▸ **Activity**
Take the data below and extract the lines from the one with "#49=IFCPRODUCTDEFINITIONSHAPE($,$,(#48));" to the one with "#57=IFCINDEXEDPOLYGONALFACE((5,7,8,6));", inclusive, exactly as written.

Items from a data source:
----------

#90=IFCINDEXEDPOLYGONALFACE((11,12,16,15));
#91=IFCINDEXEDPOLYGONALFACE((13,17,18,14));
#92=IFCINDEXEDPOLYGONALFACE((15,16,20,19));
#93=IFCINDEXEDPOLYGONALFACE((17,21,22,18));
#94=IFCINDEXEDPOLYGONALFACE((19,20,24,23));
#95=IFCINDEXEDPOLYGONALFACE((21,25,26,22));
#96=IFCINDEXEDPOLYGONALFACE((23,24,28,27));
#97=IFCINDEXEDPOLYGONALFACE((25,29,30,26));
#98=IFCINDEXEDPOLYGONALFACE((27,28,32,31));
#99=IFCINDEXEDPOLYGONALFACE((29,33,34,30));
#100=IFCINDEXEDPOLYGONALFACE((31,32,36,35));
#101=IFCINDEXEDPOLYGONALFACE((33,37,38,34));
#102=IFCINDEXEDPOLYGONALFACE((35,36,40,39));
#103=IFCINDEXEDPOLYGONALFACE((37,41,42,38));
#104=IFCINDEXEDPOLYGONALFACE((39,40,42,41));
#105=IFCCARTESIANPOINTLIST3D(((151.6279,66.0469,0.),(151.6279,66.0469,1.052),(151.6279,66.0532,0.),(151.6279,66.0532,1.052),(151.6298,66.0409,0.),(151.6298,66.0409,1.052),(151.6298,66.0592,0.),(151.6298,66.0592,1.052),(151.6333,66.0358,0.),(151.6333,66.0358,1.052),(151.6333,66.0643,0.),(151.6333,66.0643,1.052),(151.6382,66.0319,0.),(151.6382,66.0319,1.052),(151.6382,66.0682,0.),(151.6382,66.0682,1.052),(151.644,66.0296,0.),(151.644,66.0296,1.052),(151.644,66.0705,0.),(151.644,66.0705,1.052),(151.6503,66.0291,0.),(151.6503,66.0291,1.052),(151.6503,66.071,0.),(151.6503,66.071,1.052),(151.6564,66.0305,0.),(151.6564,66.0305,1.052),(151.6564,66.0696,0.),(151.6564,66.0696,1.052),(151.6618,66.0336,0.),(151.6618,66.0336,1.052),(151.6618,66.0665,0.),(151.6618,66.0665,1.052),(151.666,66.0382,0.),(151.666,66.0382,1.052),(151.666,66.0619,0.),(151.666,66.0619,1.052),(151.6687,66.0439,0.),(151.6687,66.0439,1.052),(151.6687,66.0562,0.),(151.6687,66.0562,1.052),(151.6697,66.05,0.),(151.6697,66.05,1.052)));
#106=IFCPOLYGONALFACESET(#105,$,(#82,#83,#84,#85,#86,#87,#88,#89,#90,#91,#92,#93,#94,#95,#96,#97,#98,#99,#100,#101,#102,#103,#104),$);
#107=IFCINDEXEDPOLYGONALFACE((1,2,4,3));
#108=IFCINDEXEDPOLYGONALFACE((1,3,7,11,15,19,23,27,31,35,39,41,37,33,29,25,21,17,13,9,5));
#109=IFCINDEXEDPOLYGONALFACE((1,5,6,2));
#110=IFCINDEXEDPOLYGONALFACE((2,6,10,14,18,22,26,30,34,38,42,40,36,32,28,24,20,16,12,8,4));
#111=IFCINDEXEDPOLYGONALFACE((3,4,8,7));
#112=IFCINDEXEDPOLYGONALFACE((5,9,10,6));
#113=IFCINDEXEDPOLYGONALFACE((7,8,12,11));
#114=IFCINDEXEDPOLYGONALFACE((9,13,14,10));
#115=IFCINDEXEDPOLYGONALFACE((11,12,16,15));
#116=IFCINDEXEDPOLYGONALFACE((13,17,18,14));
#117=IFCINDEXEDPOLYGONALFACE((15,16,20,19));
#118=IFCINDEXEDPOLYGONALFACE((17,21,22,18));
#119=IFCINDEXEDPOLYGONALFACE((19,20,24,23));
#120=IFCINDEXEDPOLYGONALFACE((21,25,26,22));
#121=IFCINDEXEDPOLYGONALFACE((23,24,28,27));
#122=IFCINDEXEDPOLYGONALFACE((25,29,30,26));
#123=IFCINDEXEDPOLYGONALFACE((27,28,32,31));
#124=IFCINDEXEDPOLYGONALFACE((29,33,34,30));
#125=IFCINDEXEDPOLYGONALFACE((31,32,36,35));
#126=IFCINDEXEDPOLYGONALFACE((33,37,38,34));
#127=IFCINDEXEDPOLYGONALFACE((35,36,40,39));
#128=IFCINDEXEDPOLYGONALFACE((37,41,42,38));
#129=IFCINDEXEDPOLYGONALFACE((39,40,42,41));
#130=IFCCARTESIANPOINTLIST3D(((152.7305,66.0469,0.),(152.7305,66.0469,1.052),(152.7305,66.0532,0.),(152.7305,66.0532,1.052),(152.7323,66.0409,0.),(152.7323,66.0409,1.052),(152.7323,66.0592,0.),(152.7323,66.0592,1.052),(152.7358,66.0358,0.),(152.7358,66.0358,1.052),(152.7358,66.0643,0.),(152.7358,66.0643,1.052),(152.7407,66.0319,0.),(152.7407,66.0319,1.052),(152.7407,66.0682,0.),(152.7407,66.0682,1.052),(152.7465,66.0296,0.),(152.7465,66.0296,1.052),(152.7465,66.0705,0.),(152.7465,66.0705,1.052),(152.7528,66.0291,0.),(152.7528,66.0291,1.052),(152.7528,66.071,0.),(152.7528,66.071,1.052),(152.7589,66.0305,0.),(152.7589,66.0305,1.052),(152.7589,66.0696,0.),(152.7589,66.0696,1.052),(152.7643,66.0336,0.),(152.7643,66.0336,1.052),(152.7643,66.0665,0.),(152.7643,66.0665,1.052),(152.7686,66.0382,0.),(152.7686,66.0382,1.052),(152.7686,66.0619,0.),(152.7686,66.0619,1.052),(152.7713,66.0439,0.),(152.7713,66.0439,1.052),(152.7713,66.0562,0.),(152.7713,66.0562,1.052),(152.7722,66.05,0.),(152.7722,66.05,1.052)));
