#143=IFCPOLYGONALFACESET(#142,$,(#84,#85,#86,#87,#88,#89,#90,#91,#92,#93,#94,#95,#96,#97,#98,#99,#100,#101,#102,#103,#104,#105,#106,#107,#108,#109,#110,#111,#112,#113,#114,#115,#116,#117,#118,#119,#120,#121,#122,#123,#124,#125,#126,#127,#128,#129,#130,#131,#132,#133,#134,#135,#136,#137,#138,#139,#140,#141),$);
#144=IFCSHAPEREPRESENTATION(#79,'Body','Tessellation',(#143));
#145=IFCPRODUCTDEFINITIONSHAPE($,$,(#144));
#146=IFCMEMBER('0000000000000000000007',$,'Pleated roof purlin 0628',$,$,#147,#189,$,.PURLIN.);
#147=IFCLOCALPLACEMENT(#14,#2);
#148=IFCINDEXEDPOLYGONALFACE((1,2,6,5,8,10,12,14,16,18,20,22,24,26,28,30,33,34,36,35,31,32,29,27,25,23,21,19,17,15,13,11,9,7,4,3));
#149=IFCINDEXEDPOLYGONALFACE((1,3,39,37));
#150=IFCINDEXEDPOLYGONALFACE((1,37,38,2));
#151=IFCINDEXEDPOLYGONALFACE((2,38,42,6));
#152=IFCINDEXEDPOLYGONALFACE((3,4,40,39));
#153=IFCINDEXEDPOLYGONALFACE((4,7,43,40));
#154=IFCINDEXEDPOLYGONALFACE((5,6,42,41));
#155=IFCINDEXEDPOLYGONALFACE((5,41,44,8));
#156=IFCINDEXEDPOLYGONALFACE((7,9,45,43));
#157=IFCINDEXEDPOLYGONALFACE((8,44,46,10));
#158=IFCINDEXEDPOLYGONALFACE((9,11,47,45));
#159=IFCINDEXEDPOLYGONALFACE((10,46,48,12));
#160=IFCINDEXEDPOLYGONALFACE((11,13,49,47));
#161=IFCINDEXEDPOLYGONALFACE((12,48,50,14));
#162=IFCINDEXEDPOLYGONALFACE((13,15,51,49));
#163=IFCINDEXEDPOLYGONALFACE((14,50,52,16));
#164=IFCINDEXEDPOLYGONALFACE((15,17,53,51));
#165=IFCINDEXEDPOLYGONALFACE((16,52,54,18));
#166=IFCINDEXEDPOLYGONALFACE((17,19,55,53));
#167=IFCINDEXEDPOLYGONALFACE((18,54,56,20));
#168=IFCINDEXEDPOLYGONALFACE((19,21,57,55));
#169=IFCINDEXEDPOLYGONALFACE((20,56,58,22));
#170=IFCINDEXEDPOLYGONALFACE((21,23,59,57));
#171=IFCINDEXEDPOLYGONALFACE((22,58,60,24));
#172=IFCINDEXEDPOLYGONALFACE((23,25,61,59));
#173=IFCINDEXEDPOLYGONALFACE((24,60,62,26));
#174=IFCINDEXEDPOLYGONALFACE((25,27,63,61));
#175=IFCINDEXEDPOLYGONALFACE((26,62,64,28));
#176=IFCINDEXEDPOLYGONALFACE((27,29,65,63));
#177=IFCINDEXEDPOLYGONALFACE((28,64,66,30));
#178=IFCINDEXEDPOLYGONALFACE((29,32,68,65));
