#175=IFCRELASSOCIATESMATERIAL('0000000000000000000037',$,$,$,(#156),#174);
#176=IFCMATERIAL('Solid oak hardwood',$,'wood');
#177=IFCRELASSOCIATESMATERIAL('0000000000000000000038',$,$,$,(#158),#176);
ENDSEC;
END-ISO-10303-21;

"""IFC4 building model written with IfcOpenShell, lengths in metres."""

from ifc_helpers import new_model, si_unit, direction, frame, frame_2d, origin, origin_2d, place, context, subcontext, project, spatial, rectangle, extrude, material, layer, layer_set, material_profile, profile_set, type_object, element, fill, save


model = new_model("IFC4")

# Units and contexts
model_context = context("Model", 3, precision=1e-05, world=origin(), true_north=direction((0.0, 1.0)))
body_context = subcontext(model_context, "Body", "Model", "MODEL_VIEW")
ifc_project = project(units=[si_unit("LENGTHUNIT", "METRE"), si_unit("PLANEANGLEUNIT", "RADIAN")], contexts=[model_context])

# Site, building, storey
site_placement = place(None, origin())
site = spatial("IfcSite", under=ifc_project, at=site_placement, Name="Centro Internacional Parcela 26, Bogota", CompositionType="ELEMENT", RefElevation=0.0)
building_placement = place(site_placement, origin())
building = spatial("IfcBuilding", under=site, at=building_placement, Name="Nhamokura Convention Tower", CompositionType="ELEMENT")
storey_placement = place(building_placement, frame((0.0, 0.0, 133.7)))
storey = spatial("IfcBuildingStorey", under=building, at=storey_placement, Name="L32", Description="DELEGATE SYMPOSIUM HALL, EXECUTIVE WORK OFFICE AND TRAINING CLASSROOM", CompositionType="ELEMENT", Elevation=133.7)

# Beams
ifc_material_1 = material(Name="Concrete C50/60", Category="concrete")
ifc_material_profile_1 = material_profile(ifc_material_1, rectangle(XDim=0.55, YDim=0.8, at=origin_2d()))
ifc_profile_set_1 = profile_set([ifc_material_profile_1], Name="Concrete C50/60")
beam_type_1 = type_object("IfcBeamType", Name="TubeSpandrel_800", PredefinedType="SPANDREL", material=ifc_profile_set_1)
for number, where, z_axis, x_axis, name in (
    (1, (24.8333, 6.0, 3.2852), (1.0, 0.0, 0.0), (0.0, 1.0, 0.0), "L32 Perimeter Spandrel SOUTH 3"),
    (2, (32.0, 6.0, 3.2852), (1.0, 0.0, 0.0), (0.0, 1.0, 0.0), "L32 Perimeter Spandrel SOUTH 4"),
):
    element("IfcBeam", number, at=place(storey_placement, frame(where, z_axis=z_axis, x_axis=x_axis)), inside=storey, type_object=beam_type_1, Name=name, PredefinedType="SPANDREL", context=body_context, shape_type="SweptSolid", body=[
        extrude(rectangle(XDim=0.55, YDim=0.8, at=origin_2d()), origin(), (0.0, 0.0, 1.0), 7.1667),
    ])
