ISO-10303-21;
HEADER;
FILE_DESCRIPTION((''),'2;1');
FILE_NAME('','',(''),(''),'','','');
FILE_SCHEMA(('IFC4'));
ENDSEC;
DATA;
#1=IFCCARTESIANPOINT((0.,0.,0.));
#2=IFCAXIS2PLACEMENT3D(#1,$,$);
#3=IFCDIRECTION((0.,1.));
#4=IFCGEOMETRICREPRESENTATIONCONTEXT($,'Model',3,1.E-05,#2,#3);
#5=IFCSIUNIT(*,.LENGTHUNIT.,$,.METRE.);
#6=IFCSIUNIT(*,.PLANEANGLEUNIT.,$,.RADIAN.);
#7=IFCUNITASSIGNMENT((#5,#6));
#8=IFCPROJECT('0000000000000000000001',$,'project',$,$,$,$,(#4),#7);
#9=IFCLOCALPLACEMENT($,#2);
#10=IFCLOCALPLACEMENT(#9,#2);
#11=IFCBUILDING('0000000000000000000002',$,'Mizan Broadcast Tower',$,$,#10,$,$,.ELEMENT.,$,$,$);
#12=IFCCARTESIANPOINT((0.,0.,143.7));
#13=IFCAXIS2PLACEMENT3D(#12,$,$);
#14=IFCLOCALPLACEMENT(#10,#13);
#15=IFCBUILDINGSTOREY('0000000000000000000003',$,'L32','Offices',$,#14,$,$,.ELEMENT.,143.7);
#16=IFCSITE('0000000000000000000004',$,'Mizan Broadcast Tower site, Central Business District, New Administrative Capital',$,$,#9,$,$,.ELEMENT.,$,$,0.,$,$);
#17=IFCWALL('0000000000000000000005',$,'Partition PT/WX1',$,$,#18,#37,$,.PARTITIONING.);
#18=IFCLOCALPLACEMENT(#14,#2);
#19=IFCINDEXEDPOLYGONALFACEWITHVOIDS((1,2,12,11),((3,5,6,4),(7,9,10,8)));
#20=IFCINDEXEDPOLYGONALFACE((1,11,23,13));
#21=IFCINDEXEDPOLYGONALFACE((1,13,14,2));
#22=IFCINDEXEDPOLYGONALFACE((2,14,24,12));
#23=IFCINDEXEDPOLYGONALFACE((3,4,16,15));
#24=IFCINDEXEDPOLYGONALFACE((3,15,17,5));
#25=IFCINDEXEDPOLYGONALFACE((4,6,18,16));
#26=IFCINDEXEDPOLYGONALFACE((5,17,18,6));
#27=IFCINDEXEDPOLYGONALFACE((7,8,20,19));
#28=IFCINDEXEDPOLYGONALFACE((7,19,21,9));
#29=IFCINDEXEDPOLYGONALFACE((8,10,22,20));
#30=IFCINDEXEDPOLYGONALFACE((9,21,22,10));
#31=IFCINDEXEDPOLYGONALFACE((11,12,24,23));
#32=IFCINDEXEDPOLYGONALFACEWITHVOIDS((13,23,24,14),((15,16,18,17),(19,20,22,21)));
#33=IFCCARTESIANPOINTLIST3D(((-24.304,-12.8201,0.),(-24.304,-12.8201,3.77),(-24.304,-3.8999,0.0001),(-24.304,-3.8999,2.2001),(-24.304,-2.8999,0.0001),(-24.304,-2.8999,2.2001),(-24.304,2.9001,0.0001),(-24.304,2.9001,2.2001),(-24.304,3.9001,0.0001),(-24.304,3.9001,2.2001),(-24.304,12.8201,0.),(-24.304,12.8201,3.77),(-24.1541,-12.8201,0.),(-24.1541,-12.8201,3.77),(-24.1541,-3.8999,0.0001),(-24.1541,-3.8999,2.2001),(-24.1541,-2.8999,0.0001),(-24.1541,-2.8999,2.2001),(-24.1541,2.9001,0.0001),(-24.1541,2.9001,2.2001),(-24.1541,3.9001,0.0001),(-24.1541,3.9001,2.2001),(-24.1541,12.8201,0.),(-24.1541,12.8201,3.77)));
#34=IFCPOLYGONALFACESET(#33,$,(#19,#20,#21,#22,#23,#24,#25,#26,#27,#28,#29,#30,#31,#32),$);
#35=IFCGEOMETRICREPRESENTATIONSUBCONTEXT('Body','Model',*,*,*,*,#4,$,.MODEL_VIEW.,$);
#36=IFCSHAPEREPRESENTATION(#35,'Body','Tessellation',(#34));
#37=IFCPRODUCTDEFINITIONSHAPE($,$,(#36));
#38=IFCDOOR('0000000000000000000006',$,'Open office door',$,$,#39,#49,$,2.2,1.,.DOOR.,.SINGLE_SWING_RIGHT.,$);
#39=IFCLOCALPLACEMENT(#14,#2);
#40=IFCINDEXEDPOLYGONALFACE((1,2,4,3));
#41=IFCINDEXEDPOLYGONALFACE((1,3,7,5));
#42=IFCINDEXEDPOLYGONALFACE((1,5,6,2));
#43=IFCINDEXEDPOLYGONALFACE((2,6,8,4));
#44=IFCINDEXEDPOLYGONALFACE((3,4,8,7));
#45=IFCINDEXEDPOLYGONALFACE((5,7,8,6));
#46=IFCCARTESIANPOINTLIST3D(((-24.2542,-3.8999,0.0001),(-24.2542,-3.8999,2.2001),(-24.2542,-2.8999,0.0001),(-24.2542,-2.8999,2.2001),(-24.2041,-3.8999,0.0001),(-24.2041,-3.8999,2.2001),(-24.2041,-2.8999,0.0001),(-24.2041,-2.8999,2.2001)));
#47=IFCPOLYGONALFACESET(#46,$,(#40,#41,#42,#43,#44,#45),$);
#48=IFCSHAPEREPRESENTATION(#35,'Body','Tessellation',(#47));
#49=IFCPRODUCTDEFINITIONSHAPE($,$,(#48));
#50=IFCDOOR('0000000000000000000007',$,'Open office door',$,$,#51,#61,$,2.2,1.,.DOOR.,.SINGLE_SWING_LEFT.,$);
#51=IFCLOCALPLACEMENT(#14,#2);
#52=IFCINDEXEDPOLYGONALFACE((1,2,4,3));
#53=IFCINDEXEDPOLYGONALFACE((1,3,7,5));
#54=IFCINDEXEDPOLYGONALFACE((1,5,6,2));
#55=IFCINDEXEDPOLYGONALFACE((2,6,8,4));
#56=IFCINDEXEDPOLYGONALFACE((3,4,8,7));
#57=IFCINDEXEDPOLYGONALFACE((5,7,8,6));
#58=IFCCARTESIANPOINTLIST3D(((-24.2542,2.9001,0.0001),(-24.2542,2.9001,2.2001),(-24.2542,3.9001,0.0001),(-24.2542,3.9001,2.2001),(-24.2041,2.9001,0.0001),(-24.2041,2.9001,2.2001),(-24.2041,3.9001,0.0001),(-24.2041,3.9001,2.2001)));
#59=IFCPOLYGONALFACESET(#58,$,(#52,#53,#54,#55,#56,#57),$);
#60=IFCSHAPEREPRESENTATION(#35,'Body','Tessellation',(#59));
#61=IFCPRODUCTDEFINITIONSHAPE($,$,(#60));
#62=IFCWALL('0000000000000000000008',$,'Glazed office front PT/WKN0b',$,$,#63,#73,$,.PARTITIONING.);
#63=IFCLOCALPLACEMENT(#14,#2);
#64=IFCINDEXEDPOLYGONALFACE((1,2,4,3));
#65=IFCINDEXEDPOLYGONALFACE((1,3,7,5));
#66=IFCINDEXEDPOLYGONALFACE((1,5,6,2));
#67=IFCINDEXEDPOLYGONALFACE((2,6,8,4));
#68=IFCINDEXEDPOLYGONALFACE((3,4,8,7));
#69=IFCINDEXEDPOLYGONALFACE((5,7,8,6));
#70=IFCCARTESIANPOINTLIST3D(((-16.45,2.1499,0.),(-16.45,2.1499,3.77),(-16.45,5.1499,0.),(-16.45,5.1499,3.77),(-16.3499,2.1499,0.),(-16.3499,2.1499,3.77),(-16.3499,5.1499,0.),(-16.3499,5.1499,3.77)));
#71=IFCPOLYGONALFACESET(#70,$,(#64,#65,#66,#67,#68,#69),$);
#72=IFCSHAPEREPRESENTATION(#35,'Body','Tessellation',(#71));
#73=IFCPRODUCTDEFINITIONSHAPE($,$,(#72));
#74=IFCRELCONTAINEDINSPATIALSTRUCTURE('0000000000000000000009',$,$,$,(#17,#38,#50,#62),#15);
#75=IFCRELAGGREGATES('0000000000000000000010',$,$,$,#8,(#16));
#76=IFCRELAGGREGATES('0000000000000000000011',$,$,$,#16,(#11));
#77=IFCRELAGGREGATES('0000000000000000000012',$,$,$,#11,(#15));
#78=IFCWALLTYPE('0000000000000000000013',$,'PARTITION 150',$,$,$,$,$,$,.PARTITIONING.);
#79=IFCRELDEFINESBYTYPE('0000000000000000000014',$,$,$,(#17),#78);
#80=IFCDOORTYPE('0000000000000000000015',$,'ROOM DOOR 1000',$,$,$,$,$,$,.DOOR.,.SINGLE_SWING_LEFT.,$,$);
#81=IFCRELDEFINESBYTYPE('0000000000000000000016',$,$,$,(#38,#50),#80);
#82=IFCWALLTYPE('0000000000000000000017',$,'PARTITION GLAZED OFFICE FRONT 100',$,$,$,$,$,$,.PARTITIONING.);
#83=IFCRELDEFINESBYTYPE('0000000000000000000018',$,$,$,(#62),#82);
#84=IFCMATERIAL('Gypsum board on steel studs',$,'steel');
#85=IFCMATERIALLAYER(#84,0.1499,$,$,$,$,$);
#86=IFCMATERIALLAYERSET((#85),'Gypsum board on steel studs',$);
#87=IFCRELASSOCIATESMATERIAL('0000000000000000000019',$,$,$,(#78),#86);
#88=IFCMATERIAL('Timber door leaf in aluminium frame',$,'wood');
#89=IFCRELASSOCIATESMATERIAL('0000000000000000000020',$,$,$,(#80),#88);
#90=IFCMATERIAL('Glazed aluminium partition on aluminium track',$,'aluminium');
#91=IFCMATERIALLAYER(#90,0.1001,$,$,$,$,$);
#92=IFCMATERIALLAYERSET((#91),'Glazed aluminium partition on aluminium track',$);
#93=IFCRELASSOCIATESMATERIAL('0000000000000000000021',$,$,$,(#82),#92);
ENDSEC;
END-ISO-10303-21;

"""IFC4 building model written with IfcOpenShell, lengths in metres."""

from ifc_helpers import new_model, si_unit, direction, frame, frame_2d, origin, place, context, subcontext, project, spatial, rectangle, extrude, material, layer, layer_set, type_object, element, fill, save


model = new_model("IFC4")

# Units and contexts
model_context = context("Model", 3, precision=1e-05, world=origin(), true_north=direction((0.0, 1.0)))
body_context = subcontext(model_context, "Body", "Model", "MODEL_VIEW")
ifc_project = project(units=[si_unit("LENGTHUNIT", "METRE"), si_unit("PLANEANGLEUNIT", "RADIAN")], contexts=[model_context])

# Site, building, storey
site_placement = place(None, origin())
site = spatial("IfcSite", under=ifc_project, at=site_placement, Name="Mizan Broadcast Tower site, Central Business District, New Administrative Capital", CompositionType="ELEMENT", RefElevation=0.0)
building_placement = place(site_placement, origin())
building = spatial("IfcBuilding", under=site, at=building_placement, Name="Mizan Broadcast Tower", CompositionType="ELEMENT")
storey_placement = place(building_placement, frame((0.0, 0.0, 143.7)))
storey = spatial("IfcBuildingStorey", under=building, at=storey_placement, Name="L32", Description="Offices", CompositionType="ELEMENT", Elevation=143.7)

# Wall, openings, doors
ifc_material_1 = material(Name="Gypsum board on steel studs", Category="steel")
ifc_layer_1 = layer(ifc_material_1, 0.1499)
ifc_layer_set_1 = layer_set([ifc_layer_1], Name="Gypsum board on steel studs")
wall_type_1 = type_object("IfcWallType", Name="PARTITION 150", PredefinedType="PARTITIONING", material=ifc_layer_set_1)
wall_1_placement = place(storey_placement, frame((-24.229, 12.8201, 0.0), z_axis=(0.0, 0.0, 1.0), x_axis=(0.0, -1.0, 0.0)))
wall_1 = element("IfcWall", 1, at=wall_1_placement, inside=storey, type_object=wall_type_1, Name="Partition PT/WX1", PredefinedType="PARTITIONING", context=body_context, shape_type="SweptSolid", body=[
    extrude(rectangle(XDim=25.6401, YDim=0.1499, at=frame_2d((12.8201, 0.0))), origin(), (0.0, 0.0, 1.0), 3.77),
])
opening_1_placement = place(wall_1_placement, frame((15.72, 0.0, 0.0)))
opening_1 = element("IfcOpeningElement", 2, at=opening_1_placement, cuts=wall_1, PredefinedType="OPENING", context=body_context, shape_type="SweptSolid", body=[
    extrude(rectangle(XDim=1.0, YDim=2.2, at=frame_2d((0.5, 1.1001))), frame((0.0, 0.085, 0.0), z_axis=(0.0, -1.0, 0.0), x_axis=(1.0, 0.0, 0.0)), (0.0, 0.0, 1.0), 0.1699),
])
opening_2_placement = place(wall_1_placement, frame((8.9199, 0.0, 0.0)))
opening_2 = element("IfcOpeningElement", 3, at=opening_2_placement, cuts=wall_1, PredefinedType="OPENING", context=body_context, shape_type="SweptSolid", body=[
    extrude(rectangle(XDim=1.0, YDim=2.2, at=frame_2d((0.5, 1.1001))), frame((0.0, 0.085, 0.0), z_axis=(0.0, -1.0, 0.0), x_axis=(1.0, 0.0, 0.0)), (0.0, 0.0, 1.0), 0.1699),
])
ifc_material_2 = material(Name="Timber door leaf in aluminium frame", Category="wood")
door_type = type_object("IfcDoorType", Name="ROOM DOOR 1000", OperationType="SINGLE_SWING_LEFT", PredefinedType="DOOR", material=ifc_material_2)
door_1_placement = place(opening_1_placement, origin())
door_1 = element("IfcDoor", 4, at=door_1_placement, inside=storey, type_object=door_type, Name="Open office door", OperationType="SINGLE_SWING_RIGHT", OverallHeight=2.2, OverallWidth=1.0, PredefinedType="DOOR", context=body_context, shape_type="SweptSolid", body=[
    extrude(rectangle(XDim=1.0, YDim=2.2, at=frame_2d((0.5, 1.1001))), frame((0.0, 0.0249, 0.0), z_axis=(0.0, -1.0, 0.0), x_axis=(1.0, 0.0, 0.0)), (0.0, 0.0, 1.0), 0.05),
])
fill(opening_1, door_1)
door_2_placement = place(opening_2_placement, origin())
door_2 = element("IfcDoor", 5, at=door_2_placement, inside=storey, type_object=door_type, Name="Open office door", OperationType="SINGLE_SWING_LEFT", OverallHeight=2.2, OverallWidth=1.0, PredefinedType="DOOR", context=body_context, shape_type="SweptSolid", body=[
    extrude(rectangle(XDim=1.0, YDim=2.2, at=frame_2d((0.5, 1.1001))), frame((0.0, 0.0249, 0.0), z_axis=(0.0, -1.0, 0.0), x_axis=(1.0, 0.0, 0.0)), (0.0, 0.0, 1.0), 0.05),
])
fill(opening_2, door_2)

# Wall
ifc_material_3 = material(Name="Glazed aluminium partition on aluminium track", Category="aluminium")
ifc_layer_2 = layer(ifc_material_3, 0.1001)
ifc_layer_set_2 = layer_set([ifc_layer_2], Name="Glazed aluminium partition on aluminium track")
wall_type_2 = type_object("IfcWallType", Name="PARTITION GLAZED OFFICE FRONT 100", PredefinedType="PARTITIONING", material=ifc_layer_set_2)
wall_2_placement = place(storey_placement, frame((-16.3999, 2.1499, 0.0), z_axis=(0.0, 0.0, 1.0), x_axis=(0.0, 1.0, 0.0)))
element("IfcWall", 6, at=wall_2_placement, inside=storey, type_object=wall_type_2, Name="Glazed office front PT/WKN0b", PredefinedType="PARTITIONING", context=body_context, shape_type="SweptSolid", body=[
    extrude(rectangle(XDim=3.0, YDim=0.1001, at=frame_2d((1.5, 0.0))), origin(), (0.0, 0.0, 1.0), 3.77),
])

save(model, "model.ifc")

----------

▸ **Solved problem**
#49=IFCPRODUCTDEFINITIONSHAPE($,$,(#48));
#50=IFCDOOR('0000000000000000000007',$,'Open office door',$,$,#51,#61,$,2.2,1.,.DOOR.,.SINGLE_SWING_LEFT.,$);
#51=IFCLOCALPLACEMENT(#14,#2);
#52=IFCINDEXEDPOLYGONALFACE((1,2,4,3));
#53=IFCINDEXEDPOLYGONALFACE((1,3,7,5));
#54=IFCINDEXEDPOLYGONALFACE((1,5,6,2));
#55=IFCINDEXEDPOLYGONALFACE((2,6,8,4));
#56=IFCINDEXEDPOLYGONALFACE((3,4,8,7));
#57=IFCINDEXEDPOLYGONALFACE((5,7,8,6));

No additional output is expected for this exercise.